_WHAT IS REQUIRED_: In the listing below, find the line that contains "#111=IFCINDEXEDPOLYGONALFACE((2,4,8,6));" and the line that contains "#125=IFCINDEXEDPOLYGONALFACE((5,6,8,7));". Quote both and every line between them, exactly, and nothing more.
##### TASK DATA #####
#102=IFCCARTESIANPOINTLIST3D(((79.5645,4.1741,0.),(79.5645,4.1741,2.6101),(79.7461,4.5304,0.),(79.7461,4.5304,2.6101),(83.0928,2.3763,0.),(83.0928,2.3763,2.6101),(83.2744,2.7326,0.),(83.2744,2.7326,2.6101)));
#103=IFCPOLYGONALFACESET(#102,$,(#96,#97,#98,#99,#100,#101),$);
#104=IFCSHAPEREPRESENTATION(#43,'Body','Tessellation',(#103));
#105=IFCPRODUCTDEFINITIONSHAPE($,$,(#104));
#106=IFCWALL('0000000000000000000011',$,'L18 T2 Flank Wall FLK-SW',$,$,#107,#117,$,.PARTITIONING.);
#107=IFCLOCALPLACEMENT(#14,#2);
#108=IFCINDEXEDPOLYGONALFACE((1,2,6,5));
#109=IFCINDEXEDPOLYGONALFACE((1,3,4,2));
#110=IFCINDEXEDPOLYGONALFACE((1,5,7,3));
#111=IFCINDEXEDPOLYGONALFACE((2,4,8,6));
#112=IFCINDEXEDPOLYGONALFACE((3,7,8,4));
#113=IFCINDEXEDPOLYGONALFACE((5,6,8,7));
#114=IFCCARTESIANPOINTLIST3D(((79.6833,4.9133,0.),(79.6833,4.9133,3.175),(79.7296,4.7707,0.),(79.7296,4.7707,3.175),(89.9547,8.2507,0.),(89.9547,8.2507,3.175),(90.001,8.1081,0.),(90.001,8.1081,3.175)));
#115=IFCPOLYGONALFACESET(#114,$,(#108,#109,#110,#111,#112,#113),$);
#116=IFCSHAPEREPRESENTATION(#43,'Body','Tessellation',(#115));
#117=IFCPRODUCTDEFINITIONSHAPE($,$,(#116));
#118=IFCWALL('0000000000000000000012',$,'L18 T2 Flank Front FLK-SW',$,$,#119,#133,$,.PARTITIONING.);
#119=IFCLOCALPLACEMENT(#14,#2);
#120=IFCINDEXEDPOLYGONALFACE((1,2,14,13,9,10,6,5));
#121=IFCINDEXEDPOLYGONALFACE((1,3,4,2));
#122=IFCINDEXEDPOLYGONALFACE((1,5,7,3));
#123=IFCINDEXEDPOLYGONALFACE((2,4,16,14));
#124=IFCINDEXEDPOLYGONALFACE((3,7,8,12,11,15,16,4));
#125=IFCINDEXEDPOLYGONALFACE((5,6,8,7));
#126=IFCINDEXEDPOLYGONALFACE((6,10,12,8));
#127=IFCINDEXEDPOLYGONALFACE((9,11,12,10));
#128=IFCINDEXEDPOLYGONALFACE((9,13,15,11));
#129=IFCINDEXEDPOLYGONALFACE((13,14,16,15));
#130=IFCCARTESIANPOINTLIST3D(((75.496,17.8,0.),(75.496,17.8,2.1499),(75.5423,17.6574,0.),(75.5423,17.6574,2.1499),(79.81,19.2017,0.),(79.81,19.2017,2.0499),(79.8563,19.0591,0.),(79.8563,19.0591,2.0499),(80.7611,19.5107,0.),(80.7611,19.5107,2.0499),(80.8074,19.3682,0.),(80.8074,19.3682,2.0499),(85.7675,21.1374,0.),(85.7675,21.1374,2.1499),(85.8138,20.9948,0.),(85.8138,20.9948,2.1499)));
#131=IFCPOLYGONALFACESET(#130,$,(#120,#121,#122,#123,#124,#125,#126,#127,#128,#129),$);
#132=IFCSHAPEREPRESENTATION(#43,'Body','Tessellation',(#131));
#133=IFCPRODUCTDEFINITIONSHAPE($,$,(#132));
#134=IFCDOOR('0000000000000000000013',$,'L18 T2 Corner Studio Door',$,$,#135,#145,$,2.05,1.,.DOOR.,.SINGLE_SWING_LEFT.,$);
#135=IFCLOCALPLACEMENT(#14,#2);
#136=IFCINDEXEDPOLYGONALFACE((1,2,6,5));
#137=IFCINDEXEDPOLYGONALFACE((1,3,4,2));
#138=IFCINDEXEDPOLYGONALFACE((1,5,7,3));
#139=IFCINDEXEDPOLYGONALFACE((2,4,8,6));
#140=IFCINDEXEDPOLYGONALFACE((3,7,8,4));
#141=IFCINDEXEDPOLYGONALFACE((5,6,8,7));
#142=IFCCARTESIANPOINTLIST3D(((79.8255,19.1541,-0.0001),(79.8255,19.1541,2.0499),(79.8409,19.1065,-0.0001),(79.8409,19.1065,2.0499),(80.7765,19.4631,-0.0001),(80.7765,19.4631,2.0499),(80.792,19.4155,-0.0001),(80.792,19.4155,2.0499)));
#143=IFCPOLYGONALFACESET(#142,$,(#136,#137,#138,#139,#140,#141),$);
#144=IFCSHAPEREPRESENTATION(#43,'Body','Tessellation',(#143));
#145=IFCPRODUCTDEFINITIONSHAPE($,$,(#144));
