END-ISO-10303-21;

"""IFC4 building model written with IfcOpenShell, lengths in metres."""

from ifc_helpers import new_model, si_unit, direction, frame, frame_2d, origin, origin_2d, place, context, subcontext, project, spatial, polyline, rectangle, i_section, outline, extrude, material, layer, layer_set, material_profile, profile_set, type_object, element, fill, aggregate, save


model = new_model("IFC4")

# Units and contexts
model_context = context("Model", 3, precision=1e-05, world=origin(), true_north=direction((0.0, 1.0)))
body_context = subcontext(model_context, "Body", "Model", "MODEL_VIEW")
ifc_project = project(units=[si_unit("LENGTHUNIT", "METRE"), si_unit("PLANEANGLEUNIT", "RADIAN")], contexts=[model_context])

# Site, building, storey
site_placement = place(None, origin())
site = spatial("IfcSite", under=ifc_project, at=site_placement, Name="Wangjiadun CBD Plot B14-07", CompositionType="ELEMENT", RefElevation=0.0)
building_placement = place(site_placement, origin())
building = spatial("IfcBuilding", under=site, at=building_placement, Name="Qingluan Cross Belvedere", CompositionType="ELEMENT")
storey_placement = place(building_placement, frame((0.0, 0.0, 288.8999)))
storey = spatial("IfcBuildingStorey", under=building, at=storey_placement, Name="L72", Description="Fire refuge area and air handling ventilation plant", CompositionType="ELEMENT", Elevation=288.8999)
#####
_ANSWER FOR THE TASK_:
#111=IFCINDEXEDPOLYGONALFACE((2,4,8,6));
#112=IFCINDEXEDPOLYGONALFACE((3,7,8,4));
#113=IFCINDEXEDPOLYGONALFACE((5,6,8,7));
#114=IFCCARTESIANPOINTLIST3D(((79.6833,4.9133,0.),(79.6833,4.9133,3.175),(79.7296,4.7707,0.),(79.7296,4.7707,3.175),(89.9547,8.2507,0.),(89.9547,8.2507,3.175),(90.001,8.1081,0.),(90.001,8.1081,3.175)));
#115=IFCPOLYGONALFACESET(#114,$,(#108,#109,#110,#111,#112,#113),$);
#116=IFCSHAPEREPRESENTATION(#43,'Body','Tessellation',(#115));
#117=IFCPRODUCTDEFINITIONSHAPE($,$,(#116));
#118=IFCWALL('0000000000000000000012',$,'L18 T2 Flank Front FLK-SW',$,$,#119,#133,$,.PARTITIONING.);
#119=IFCLOCALPLACEMENT(#14,#2);
#120=IFCINDEXEDPOLYGONALFACE((1,2,14,13,9,10,6,5));
#121=IFCINDEXEDPOLYGONALFACE((1,3,4,2));
#122=IFCINDEXEDPOLYGONALFACE((1,5,7,3));
#123=IFCINDEXEDPOLYGONALFACE((2,4,16,14));
#124=IFCINDEXEDPOLYGONALFACE((3,7,8,12,11,15,16,4));
#125=IFCINDEXEDPOLYGONALFACE((5,6,8,7));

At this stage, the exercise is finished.